------ Given entries ------

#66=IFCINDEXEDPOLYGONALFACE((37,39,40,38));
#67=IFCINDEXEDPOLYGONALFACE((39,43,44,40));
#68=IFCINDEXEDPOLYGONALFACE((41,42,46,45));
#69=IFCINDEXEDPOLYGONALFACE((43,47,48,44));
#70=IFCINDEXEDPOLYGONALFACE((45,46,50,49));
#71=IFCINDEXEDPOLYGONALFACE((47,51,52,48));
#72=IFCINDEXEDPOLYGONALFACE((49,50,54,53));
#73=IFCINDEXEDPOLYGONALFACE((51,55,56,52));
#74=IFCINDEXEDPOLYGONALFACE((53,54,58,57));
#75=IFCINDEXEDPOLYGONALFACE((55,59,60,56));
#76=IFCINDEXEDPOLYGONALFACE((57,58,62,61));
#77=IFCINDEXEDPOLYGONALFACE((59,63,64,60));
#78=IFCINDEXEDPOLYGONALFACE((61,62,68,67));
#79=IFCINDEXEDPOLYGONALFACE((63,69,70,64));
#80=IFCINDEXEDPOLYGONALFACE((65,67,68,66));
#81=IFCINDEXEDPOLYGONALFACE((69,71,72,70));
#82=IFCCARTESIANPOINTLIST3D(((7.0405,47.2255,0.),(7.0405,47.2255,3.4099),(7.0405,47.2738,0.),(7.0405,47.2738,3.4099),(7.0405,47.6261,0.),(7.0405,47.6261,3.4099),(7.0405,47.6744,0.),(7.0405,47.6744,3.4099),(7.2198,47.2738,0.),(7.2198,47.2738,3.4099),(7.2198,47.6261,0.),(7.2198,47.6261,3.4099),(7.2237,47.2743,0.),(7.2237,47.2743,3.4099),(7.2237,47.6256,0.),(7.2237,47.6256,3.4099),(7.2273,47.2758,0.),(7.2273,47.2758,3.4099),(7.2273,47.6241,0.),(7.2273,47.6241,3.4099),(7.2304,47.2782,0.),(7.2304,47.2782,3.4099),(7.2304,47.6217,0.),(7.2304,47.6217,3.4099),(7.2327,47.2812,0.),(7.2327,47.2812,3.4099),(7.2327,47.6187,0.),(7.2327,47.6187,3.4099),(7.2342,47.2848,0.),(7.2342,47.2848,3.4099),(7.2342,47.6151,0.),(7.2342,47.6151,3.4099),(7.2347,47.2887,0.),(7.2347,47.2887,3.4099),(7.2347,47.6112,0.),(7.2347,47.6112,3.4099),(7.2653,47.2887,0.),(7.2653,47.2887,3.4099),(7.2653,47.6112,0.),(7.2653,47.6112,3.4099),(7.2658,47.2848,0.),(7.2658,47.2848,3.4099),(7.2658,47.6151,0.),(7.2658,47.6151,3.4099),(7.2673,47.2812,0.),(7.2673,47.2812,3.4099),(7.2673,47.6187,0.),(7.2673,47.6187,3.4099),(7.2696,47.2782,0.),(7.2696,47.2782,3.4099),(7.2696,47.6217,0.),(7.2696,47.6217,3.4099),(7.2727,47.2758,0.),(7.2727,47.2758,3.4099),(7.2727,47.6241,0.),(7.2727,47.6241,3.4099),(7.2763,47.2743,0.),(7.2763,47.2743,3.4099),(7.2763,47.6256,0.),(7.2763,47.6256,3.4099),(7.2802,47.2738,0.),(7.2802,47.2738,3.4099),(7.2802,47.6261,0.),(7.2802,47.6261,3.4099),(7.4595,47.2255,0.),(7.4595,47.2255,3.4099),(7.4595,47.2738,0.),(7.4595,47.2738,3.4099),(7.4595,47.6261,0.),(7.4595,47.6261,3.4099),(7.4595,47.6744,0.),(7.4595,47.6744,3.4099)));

------

| Problem to work on |
Return, word for word, the lines from the one containing "#77=IFCINDEXEDPOLYGONALFACE((59,63,64,60));" through the end of the data above, both ends included, and nothing else.

| Reply |
#77=IFCINDEXEDPOLYGONALFACE((59,63,64,60));
#78=IFCINDEXEDPOLYGONALFACE((61,62,68,67));
#79=IFCINDEXEDPOLYGONALFACE((63,69,70,64));
#80=IFCINDEXEDPOLYGONALFACE((65,67,68,66));
#81=IFCINDEXEDPOLYGONALFACE((69,71,72,70));
#82=IFCCARTESIANPOINTLIST3D(((7.0405,47.2255,0.),(7.0405,47.2255,3.4099),(7.0405,47.2738,0.),(7.0405,47.2738,3.4099),(7.0405,47.6261,0.),(7.0405,47.6261,3.4099),(7.0405,47.6744,0.),(7.0405,47.6744,3.4099),(7.2198,47.2738,0.),(7.2198,47.2738,3.4099),(7.2198,47.6261,0.),(7.2198,47.6261,3.4099),(7.2237,47.2743,0.),(7.2237,47.2743,3.4099),(7.2237,47.6256,0.),(7.2237,47.6256,3.4099),(7.2273,47.2758,0.),(7.2273,47.2758,3.4099),(7.2273,47.6241,0.),(7.2273,47.6241,3.4099),(7.2304,47.2782,0.),(7.2304,47.2782,3.4099),(7.2304,47.6217,0.),(7.2304,47.6217,3.4099),(7.2327,47.2812,0.),(7.2327,47.2812,3.4099),(7.2327,47.6187,0.),(7.2327,47.6187,3.4099),(7.2342,47.2848,0.),(7.2342,47.2848,3.4099),(7.2342,47.6151,0.),(7.2342,47.6151,3.4099),(7.2347,47.2887,0.),(7.2347,47.2887,3.4099),(7.2347,47.6112,0.),(7.2347,47.6112,3.4099),(7.2653,47.2887,0.),(7.2653,47.2887,3.4099),(7.2653,47.6112,0.),(7.2653,47.6112,3.4099),(7.2658,47.2848,0.),(7.2658,47.2848,3.4099),(7.2658,47.6151,0.),(7.2658,47.6151,3.4099),(7.2673,47.2812,0.),(7.2673,47.2812,3.4099),(7.2673,47.6187,0.),(7.2673,47.6187,3.4099),(7.2696,47.2782,0.),(7.2696,47.2782,3.4099),(7.2696,47.6217,0.),(7.2696,47.6217,3.4099),(7.2727,47.2758,0.),(7.2727,47.2758,3.4099),(7.2727,47.6241,0.),(7.2727,47.6241,3.4099),(7.2763,47.2743,0.),(7.2763,47.2743,3.4099),(7.2763,47.6256,0.),(7.2763,47.6256,3.4099),(7.2802,47.2738,0.),(7.2802,47.2738,3.4099),(7.2802,47.6261,0.),(7.2802,47.6261,3.4099),(7.4595,47.2255,0.),(7.4595,47.2255,3.4099),(7.4595,47.2738,0.),(7.4595,47.2738,3.4099),(7.4595,47.6261,0.),(7.4595,47.6261,3.4099),(7.4595,47.6744,0.),(7.4595,47.6744,3.4099)));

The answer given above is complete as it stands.